YOUR GOAL: From the data below, copy exactly the lines that lie between the one holding "#67=IFCINDEXEDPOLYGONALFACE((1,2,4,3));" and the one holding "#81=IFCINDEXEDPOLYGONALFACE((23,24,28,27));", including both, and nothing more.

(Stored data)

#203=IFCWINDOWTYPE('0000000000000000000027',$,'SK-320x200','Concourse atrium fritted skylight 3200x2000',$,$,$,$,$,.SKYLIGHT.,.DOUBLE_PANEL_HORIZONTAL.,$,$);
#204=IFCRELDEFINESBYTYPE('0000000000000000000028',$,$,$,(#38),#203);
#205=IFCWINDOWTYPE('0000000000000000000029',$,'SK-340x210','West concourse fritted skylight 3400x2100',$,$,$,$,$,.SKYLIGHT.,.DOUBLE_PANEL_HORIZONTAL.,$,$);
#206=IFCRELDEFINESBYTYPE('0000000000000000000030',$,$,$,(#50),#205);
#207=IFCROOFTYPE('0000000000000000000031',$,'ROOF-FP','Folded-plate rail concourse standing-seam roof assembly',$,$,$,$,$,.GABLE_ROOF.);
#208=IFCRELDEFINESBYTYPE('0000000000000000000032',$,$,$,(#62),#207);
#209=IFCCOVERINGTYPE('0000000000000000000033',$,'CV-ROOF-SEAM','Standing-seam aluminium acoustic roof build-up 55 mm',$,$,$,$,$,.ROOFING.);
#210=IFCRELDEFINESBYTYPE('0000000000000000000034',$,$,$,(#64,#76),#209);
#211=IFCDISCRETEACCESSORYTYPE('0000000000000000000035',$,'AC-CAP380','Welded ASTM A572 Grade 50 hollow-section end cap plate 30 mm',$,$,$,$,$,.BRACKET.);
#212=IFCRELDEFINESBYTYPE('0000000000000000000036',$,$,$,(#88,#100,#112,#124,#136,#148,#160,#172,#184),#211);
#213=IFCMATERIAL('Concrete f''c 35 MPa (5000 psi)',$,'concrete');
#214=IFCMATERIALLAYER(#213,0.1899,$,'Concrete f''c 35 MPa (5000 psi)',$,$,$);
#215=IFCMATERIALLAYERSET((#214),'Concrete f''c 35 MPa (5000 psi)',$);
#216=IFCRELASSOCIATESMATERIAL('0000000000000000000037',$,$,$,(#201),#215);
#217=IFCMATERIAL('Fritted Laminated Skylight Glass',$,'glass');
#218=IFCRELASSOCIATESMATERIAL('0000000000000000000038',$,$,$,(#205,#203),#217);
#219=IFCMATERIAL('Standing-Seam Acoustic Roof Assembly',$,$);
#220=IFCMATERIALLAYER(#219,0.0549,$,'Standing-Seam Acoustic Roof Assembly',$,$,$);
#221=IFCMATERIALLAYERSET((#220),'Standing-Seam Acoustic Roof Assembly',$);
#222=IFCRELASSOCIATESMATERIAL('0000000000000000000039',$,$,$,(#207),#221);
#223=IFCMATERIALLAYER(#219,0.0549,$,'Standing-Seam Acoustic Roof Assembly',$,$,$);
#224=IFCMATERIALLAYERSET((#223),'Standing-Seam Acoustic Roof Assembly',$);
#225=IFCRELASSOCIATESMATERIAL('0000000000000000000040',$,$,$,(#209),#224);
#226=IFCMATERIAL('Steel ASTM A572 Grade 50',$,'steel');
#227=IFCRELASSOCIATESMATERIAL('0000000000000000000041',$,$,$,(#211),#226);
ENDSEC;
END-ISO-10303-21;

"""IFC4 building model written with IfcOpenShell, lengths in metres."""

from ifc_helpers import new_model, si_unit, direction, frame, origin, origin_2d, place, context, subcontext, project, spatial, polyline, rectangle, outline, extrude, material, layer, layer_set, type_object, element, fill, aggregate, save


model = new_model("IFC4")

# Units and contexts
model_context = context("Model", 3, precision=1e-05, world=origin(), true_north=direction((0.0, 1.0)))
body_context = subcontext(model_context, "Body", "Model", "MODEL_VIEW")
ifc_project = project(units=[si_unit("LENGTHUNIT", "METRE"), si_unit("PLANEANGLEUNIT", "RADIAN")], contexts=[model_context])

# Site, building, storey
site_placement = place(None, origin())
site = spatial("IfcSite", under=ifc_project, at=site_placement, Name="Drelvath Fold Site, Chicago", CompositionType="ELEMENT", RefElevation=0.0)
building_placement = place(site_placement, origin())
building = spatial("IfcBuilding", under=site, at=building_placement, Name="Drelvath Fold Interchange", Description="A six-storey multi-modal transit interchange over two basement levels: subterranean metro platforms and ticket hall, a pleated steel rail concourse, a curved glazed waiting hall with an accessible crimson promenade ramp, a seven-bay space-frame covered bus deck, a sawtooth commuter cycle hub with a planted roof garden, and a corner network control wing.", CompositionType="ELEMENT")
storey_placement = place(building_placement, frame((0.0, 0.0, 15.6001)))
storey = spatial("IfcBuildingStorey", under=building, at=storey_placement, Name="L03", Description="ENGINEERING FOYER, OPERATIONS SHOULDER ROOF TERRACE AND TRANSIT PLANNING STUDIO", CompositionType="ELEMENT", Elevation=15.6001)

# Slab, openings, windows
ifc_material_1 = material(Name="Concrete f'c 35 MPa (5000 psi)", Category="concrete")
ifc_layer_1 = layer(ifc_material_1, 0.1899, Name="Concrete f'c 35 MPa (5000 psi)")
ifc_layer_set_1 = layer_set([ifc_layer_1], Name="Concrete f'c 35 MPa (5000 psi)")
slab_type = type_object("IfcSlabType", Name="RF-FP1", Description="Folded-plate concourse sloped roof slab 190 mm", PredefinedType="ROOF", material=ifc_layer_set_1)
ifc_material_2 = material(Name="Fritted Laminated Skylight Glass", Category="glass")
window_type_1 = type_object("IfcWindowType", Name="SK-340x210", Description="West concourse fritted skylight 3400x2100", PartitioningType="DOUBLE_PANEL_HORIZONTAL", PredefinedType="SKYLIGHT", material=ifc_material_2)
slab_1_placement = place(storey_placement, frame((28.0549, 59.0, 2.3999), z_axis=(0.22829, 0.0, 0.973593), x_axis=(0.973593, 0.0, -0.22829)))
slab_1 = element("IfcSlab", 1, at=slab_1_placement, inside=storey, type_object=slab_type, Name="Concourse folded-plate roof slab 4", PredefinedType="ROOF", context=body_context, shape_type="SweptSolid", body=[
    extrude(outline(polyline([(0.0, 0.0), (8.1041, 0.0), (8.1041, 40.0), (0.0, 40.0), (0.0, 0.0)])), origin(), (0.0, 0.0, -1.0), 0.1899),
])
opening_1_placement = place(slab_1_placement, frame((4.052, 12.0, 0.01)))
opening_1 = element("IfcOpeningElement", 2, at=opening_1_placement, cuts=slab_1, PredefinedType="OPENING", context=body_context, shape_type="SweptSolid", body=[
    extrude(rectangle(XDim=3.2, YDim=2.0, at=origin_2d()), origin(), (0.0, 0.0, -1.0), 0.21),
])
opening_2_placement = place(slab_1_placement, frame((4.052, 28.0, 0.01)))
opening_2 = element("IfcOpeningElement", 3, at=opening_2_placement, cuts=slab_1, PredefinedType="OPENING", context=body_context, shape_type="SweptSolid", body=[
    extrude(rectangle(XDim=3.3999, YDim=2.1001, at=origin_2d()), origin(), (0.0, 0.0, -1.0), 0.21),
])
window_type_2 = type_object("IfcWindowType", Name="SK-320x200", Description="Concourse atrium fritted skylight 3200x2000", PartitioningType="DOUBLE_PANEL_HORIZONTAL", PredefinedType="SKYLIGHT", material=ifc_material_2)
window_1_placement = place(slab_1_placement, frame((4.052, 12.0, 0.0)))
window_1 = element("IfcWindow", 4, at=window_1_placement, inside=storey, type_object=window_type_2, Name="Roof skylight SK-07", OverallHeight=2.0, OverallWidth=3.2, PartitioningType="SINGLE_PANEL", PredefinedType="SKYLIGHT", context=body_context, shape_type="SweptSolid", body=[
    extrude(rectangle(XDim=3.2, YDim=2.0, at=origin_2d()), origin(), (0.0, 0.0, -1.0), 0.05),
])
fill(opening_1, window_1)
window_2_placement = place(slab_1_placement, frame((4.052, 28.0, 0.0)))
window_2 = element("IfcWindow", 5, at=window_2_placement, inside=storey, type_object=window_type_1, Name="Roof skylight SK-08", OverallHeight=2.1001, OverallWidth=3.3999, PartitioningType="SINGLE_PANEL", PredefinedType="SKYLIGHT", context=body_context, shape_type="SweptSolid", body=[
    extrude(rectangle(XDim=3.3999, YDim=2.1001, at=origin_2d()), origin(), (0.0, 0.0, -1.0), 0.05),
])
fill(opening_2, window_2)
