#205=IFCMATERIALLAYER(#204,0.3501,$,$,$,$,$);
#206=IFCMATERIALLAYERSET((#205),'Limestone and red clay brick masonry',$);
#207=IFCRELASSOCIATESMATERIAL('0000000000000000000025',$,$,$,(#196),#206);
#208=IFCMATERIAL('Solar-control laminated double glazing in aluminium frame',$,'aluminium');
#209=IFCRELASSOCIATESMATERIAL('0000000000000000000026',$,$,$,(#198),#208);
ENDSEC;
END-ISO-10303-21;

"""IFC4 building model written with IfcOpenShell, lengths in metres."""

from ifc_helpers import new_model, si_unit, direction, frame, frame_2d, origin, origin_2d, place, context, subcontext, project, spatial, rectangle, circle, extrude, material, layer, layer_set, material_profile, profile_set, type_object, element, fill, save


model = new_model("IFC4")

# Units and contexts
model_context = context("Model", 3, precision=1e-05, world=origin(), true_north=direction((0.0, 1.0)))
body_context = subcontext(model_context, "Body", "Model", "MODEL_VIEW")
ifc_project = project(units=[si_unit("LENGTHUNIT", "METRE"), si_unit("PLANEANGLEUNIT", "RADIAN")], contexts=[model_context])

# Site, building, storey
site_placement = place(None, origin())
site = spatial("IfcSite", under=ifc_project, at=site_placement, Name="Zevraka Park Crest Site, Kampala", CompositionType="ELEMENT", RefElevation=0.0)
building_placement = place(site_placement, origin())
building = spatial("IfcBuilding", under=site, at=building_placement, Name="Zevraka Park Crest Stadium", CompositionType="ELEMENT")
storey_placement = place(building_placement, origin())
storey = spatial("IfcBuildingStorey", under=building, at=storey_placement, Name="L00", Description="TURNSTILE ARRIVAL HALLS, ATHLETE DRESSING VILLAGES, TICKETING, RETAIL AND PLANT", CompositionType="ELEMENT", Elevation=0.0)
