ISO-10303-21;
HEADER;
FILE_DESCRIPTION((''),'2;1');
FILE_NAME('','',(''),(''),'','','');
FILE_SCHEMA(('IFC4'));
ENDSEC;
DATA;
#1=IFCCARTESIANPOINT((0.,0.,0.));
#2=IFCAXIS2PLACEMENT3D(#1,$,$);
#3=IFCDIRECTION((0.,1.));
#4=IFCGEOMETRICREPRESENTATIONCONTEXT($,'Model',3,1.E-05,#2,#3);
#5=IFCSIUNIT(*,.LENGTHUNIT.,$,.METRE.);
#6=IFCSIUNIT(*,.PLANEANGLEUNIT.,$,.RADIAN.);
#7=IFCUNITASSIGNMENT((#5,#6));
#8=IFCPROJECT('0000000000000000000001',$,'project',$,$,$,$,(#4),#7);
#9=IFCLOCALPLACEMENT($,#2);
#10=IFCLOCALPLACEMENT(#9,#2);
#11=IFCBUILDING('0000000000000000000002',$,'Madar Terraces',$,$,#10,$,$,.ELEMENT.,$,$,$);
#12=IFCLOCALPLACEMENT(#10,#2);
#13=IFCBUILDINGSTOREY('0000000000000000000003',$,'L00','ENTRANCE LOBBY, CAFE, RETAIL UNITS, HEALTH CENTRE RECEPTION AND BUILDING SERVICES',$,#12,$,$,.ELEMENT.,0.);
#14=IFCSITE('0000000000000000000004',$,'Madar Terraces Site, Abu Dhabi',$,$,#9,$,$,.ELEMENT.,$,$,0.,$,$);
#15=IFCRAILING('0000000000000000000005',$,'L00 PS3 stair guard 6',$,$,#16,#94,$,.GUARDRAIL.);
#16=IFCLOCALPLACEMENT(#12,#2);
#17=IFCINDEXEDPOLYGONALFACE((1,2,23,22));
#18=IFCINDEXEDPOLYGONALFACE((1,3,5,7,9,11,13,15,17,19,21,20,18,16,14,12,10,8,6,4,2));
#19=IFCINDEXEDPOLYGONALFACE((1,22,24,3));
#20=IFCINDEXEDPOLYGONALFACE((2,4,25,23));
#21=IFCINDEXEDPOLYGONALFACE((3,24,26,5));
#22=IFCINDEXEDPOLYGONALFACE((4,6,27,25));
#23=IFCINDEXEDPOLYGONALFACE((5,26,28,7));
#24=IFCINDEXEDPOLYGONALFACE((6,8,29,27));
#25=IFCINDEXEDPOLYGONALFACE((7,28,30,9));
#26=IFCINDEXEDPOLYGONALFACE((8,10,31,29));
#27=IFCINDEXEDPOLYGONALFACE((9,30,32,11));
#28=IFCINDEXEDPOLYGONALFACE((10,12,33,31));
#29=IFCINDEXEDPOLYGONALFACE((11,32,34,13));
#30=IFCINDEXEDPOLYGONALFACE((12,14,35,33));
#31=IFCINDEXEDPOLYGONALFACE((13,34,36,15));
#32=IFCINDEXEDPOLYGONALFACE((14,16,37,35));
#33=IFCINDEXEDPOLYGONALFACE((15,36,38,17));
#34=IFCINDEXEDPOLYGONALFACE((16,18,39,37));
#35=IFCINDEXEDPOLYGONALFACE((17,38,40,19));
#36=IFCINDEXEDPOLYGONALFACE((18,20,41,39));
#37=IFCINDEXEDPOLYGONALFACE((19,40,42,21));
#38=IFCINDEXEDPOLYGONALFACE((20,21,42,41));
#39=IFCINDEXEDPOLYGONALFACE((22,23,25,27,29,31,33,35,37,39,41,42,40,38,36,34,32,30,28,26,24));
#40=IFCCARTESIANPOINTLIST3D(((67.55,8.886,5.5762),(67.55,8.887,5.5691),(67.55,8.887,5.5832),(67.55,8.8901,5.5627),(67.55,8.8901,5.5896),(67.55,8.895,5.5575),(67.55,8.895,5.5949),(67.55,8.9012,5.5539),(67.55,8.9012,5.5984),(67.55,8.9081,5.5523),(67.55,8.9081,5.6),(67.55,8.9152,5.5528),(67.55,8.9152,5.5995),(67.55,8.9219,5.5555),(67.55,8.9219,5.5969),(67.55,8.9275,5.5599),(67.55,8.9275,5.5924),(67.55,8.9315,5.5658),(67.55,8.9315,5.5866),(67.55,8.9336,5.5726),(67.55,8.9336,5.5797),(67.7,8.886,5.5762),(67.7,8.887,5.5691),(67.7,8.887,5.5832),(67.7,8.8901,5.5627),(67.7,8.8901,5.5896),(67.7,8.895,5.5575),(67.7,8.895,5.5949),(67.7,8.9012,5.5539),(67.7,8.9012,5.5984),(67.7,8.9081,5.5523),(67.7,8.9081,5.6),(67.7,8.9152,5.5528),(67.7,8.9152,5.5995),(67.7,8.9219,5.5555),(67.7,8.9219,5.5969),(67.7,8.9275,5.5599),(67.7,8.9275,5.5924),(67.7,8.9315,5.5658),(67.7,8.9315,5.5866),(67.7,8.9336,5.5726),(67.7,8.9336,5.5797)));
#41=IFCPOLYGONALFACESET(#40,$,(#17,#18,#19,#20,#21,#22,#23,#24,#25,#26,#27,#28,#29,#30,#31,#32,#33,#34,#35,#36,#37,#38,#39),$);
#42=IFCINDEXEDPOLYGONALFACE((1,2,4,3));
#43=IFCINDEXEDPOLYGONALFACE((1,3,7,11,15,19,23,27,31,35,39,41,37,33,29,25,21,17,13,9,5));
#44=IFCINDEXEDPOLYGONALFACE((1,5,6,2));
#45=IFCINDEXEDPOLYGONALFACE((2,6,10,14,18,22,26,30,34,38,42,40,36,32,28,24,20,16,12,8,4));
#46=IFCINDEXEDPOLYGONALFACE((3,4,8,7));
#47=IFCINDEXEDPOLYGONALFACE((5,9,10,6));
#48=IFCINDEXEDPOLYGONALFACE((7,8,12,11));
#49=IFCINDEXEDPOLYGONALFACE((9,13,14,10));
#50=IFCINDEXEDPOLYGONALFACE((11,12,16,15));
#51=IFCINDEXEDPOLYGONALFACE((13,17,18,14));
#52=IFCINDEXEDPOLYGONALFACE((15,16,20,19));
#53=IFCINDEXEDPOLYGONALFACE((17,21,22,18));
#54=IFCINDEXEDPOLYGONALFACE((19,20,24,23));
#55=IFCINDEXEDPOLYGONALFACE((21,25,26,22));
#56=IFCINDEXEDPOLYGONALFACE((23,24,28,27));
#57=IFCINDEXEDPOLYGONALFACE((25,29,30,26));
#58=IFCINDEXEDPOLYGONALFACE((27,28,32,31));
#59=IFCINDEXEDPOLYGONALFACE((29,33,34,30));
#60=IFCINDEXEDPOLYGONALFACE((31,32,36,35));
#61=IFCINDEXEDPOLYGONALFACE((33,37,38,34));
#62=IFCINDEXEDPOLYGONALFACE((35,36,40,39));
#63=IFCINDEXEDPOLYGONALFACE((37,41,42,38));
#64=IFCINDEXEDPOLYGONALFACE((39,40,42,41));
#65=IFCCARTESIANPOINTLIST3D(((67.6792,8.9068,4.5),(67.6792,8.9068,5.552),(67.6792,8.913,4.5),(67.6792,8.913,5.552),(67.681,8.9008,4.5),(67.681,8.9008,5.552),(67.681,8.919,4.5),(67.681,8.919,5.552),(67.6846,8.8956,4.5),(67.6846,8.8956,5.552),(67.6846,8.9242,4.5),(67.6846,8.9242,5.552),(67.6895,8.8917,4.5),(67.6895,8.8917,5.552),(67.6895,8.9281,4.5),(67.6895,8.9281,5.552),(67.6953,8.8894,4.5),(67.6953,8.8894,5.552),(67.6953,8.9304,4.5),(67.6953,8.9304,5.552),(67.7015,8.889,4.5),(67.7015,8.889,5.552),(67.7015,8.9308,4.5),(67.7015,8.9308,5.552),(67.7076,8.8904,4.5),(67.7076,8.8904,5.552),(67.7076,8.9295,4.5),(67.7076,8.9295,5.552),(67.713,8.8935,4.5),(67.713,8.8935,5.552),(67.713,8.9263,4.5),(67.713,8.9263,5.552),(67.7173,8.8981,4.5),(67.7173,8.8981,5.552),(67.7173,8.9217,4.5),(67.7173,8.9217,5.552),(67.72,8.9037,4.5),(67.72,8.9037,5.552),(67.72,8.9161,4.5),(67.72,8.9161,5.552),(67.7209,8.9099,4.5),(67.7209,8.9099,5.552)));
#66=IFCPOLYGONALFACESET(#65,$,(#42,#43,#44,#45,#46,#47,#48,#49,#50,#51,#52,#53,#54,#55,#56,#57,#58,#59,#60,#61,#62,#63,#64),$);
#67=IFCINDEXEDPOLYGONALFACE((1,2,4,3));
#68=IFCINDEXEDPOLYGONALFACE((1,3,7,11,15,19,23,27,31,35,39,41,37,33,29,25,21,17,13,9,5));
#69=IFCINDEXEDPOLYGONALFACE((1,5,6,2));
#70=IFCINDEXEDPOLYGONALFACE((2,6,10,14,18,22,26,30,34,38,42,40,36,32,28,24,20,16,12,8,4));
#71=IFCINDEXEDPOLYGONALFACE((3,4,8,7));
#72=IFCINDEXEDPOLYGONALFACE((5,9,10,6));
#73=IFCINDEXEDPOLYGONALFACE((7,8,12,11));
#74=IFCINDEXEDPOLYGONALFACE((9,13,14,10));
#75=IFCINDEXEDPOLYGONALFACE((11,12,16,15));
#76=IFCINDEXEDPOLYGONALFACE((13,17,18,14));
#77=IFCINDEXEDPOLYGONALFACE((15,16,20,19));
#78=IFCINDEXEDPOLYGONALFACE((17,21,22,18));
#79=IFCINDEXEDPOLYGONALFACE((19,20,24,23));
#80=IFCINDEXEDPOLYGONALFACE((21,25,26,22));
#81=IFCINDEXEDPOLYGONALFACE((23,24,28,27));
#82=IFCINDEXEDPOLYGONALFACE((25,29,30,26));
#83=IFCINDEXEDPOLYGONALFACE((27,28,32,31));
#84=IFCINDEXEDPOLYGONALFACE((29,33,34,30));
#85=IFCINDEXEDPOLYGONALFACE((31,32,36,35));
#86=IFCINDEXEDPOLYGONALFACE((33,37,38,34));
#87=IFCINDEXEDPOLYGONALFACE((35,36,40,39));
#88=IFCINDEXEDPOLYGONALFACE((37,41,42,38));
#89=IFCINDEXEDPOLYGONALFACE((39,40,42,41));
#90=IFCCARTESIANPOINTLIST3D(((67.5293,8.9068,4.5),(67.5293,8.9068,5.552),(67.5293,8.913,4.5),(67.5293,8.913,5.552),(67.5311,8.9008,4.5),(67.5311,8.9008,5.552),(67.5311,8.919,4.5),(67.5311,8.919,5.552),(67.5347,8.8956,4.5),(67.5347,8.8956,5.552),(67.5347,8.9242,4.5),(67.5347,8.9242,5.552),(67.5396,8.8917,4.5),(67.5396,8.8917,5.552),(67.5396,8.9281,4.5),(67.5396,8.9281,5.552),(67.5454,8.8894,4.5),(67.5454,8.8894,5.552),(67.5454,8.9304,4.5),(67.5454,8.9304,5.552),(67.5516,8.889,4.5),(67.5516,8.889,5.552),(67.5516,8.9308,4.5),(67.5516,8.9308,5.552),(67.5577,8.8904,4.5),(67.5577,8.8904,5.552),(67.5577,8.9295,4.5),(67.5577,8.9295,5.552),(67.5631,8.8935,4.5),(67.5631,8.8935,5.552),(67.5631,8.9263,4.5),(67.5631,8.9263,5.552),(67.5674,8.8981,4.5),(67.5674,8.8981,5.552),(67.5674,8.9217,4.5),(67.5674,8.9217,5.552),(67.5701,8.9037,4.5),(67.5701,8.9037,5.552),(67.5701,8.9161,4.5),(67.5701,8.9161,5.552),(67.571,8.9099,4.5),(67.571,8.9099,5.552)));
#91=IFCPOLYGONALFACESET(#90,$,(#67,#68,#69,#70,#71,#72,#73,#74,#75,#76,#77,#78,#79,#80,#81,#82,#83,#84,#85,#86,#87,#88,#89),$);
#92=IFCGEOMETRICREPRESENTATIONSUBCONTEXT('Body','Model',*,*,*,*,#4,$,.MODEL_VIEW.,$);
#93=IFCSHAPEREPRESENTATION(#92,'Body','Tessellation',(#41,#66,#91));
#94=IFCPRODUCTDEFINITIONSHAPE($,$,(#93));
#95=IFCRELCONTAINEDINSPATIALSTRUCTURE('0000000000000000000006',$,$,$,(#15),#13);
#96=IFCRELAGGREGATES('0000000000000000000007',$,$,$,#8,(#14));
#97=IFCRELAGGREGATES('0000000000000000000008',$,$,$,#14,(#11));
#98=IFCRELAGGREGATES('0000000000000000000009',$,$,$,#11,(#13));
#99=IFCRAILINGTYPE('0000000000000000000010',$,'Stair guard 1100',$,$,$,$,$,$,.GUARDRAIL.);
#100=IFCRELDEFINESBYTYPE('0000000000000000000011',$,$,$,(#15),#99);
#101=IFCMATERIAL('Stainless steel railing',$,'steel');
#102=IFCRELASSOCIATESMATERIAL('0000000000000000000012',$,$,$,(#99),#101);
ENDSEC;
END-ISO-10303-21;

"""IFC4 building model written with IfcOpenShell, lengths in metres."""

from ifc_helpers import new_model, si_unit, direction, frame, origin, origin_2d, place, context, subcontext, project, spatial, circle, extrude, material, type_object, element, save


model = new_model("IFC4")

# Units and contexts
model_context = context("Model", 3, precision=1e-05, world=origin(), true_north=direction((0.0, 1.0)))
body_context = subcontext(model_context, "Body", "Model", "MODEL_VIEW")
ifc_project = project(units=[si_unit("LENGTHUNIT", "METRE"), si_unit("PLANEANGLEUNIT", "RADIAN")], contexts=[model_context])

# Site, building, storey
site_placement = place(None, origin())
site = spatial("IfcSite", under=ifc_project, at=site_placement, Name="Madar Terraces Site, Abu Dhabi", CompositionType="ELEMENT", RefElevation=0.0)
building_placement = place(site_placement, origin())
building = spatial("IfcBuilding", under=site, at=building_placement, Name="Madar Terraces", CompositionType="ELEMENT")
storey_placement = place(building_placement, origin())
storey = spatial("IfcBuildingStorey", under=building, at=storey_placement, Name="L00", Description="ENTRANCE LOBBY, CAFE, RETAIL UNITS, HEALTH CENTRE RECEPTION AND BUILDING SERVICES", CompositionType="ELEMENT", Elevation=0.0)

# Railing
ifc_material_1 = material(Name="Stainless steel railing", Category="steel")
railing_type_1 = type_object("IfcRailingType", Name="Stair guard 1100", PredefinedType="GUARDRAIL", material=ifc_material_1)
railing_1_placement = place(storey_placement, frame((67.7, 8.9099, 4.5)))
element("IfcRailing", 1, at=railing_1_placement, inside=storey, type_object=railing_type_1, Name="L00 PS3 stair guard 6", PredefinedType="GUARDRAIL", context=body_context, shape_type="SweptSolid", body=[
    extrude(circle(Radius=0.0239, at=origin_2d()), frame((0.0, 0.0, 1.0762), z_axis=(-1.0, 0.0, 0.0), x_axis=(0.0, -1.0, 0.0)), (0.0, 0.0, 1.0), 0.1499),
    extrude(circle(Radius=0.021, at=origin_2d()), origin(), (0.0, 0.0, 1.0), 1.052),
    extrude(circle(Radius=0.021, at=origin_2d()), frame((-0.1499, 0.0, 0.0)), (0.0, 0.0, 1.0), 1.052),
])

save(model, "model.ifc")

TASK RESULT:
#67=IFCINDEXEDPOLYGONALFACE((1,2,4,3));
#68=IFCINDEXEDPOLYGONALFACE((1,3,7,11,15,19,23,27,31,35,39,41,37,33,29,25,21,17,13,9,5));
#69=IFCINDEXEDPOLYGONALFACE((1,5,6,2));
#70=IFCINDEXEDPOLYGONALFACE((2,6,10,14,18,22,26,30,34,38,42,40,36,32,28,24,20,16,12,8,4));
#71=IFCINDEXEDPOLYGONALFACE((3,4,8,7));
#72=IFCINDEXEDPOLYGONALFACE((5,9,10,6));
#73=IFCINDEXEDPOLYGONALFACE((7,8,12,11));
#74=IFCINDEXEDPOLYGONALFACE((9,13,14,10));
#75=IFCINDEXEDPOLYGONALFACE((11,12,16,15));
#76=IFCINDEXEDPOLYGONALFACE((13,17,18,14));
#77=IFCINDEXEDPOLYGONALFACE((15,16,20,19));
#78=IFCINDEXEDPOLYGONALFACE((17,21,22,18));
#79=IFCINDEXEDPOLYGONALFACE((19,20,24,23));
#80=IFCINDEXEDPOLYGONALFACE((21,25,26,22));
#81=IFCINDEXEDPOLYGONALFACE((23,24,28,27));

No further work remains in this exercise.